* [PROBLEM]: If a line of the data below holds the word "Passage", list it.

Dataset entries
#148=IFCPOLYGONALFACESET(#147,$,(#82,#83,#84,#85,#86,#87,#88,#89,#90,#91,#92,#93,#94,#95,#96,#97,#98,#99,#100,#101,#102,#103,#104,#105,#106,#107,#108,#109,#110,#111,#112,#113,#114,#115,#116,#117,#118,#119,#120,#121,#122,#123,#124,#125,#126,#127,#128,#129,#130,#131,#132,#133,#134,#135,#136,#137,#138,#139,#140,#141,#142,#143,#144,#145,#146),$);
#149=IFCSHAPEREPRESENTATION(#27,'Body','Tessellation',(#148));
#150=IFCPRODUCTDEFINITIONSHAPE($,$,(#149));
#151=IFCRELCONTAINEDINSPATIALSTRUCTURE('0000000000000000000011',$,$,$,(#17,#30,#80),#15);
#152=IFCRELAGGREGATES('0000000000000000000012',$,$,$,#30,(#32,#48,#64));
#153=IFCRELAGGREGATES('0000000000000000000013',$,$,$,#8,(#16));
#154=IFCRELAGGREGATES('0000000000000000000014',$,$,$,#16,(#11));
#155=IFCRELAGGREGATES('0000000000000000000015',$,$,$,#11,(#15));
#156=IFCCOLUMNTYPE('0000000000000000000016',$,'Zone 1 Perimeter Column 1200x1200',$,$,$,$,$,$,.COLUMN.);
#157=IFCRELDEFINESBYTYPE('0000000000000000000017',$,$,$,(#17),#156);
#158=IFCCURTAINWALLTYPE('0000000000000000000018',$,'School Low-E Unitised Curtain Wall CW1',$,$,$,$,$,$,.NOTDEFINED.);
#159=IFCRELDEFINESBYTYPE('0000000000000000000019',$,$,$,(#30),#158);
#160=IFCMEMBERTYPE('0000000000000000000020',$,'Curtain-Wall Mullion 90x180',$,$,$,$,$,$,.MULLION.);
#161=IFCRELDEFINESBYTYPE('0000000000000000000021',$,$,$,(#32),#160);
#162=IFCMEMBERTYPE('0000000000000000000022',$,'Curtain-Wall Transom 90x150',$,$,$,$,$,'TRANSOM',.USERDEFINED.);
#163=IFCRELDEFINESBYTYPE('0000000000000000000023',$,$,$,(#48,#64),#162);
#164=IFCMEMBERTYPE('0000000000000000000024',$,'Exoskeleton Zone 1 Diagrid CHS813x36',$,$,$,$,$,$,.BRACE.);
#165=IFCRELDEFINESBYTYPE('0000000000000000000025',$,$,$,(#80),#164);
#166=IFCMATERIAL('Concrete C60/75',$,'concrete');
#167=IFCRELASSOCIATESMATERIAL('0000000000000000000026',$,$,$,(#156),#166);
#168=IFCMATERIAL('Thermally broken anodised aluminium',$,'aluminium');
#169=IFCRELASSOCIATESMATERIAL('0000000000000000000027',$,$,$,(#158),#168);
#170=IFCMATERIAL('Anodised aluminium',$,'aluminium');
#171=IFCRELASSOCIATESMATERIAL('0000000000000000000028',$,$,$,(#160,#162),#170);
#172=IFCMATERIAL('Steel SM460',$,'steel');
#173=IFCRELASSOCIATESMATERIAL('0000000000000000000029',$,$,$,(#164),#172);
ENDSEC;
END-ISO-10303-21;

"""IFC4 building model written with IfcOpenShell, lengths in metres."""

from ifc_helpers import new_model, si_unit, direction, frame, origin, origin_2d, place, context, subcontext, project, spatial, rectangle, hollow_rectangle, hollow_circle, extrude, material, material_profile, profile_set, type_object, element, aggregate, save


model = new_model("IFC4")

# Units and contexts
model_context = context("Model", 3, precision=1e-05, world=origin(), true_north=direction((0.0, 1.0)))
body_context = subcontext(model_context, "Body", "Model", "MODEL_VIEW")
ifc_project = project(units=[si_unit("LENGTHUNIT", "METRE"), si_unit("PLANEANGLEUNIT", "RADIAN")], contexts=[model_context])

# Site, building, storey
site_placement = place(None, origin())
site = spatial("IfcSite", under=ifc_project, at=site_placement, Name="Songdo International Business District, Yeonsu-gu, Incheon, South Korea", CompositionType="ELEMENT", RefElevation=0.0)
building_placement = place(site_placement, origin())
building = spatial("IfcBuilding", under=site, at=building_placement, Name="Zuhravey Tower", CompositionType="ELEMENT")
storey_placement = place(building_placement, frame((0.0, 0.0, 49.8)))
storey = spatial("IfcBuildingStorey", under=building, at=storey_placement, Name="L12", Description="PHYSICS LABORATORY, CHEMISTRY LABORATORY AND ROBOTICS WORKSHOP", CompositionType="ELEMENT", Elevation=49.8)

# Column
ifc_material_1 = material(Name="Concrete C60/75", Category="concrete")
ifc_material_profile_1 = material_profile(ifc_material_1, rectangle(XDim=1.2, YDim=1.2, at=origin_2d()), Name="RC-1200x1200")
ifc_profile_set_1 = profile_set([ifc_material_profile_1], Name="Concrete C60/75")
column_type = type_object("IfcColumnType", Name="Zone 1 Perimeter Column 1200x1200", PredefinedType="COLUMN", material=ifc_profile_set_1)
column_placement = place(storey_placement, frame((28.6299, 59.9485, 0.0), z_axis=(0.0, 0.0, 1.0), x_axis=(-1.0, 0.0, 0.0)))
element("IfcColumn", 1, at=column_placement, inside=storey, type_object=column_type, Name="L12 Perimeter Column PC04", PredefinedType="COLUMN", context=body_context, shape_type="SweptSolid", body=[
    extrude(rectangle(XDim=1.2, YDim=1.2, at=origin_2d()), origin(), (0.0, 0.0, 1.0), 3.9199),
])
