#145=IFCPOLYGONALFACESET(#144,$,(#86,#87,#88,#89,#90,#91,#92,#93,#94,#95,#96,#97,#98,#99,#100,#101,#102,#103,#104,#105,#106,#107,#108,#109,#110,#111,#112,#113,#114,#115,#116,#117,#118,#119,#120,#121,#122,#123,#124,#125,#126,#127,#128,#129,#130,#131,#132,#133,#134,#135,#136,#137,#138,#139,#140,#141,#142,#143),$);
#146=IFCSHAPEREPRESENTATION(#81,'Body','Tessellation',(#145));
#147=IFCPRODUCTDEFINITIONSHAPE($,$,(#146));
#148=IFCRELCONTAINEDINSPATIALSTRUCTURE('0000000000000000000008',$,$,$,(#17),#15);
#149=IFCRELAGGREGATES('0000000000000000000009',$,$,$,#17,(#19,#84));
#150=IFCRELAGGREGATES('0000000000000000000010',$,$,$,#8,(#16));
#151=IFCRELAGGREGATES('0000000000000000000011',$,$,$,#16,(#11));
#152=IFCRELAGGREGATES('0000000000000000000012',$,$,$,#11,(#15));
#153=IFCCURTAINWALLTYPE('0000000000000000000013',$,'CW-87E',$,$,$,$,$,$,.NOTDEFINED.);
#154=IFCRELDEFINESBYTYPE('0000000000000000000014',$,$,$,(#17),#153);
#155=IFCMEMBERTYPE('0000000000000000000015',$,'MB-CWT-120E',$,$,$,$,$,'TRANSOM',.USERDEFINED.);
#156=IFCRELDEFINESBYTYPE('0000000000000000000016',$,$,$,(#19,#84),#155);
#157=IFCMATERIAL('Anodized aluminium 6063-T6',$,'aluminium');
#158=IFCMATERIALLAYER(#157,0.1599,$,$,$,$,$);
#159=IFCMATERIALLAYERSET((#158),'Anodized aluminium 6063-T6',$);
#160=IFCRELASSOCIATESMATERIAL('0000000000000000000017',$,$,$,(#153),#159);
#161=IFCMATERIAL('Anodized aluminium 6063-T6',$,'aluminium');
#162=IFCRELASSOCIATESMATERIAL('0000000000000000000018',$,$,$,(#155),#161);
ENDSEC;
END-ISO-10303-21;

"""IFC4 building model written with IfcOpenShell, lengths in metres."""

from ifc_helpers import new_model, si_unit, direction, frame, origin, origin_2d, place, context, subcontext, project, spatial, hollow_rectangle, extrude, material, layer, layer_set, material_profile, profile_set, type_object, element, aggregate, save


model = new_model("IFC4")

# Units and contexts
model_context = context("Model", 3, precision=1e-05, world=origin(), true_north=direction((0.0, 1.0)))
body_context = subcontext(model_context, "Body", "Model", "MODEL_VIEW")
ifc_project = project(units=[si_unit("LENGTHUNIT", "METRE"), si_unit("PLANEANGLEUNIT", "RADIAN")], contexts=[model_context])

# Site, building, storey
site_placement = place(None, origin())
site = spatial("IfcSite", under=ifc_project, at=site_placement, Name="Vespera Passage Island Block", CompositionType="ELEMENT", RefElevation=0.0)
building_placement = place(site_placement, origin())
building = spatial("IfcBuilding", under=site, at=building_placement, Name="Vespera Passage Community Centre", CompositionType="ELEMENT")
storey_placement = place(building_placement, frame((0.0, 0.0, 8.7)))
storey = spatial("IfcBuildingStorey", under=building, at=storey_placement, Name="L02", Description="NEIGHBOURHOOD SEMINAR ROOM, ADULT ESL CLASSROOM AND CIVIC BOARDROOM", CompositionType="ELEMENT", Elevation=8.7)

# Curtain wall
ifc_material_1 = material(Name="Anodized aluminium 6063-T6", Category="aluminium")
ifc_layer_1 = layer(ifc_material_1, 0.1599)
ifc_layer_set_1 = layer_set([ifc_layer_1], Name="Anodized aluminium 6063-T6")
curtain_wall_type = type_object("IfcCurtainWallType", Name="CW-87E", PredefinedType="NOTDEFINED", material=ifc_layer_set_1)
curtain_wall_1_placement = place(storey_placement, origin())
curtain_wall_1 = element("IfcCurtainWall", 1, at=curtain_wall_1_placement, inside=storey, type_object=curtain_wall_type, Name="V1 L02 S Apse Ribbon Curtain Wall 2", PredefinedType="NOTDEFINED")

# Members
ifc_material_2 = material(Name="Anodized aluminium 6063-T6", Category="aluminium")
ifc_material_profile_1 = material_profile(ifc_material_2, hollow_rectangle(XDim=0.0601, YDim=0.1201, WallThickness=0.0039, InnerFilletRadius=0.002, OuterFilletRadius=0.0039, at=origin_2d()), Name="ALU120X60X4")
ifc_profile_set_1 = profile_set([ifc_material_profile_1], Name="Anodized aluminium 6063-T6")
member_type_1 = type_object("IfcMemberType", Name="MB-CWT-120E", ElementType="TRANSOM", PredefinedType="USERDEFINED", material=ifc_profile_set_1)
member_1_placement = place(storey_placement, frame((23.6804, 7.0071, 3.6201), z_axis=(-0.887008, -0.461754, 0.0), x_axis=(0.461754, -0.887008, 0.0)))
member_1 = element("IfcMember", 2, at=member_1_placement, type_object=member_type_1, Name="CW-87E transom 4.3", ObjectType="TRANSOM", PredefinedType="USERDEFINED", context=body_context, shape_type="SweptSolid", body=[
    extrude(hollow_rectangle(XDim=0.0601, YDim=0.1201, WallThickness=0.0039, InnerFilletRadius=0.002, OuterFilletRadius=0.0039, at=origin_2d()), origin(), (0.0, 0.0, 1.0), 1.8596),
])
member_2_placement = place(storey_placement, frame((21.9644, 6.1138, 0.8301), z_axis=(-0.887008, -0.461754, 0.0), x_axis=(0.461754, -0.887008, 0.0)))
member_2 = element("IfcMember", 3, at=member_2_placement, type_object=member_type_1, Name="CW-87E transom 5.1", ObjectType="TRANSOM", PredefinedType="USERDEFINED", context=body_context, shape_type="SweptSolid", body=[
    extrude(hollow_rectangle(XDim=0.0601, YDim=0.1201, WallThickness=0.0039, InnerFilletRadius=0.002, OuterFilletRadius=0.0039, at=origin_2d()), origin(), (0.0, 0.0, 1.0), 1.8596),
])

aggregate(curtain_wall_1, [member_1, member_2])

* [YOUR RESPONSE]:
site = spatial("IfcSite", under=ifc_project, at=site_placement, Name="Vespera Passage Island Block", CompositionType="ELEMENT", RefElevation=0.0)
building = spatial("IfcBuilding", under=site, at=building_placement, Name="Vespera Passage Community Centre", CompositionType="ELEMENT")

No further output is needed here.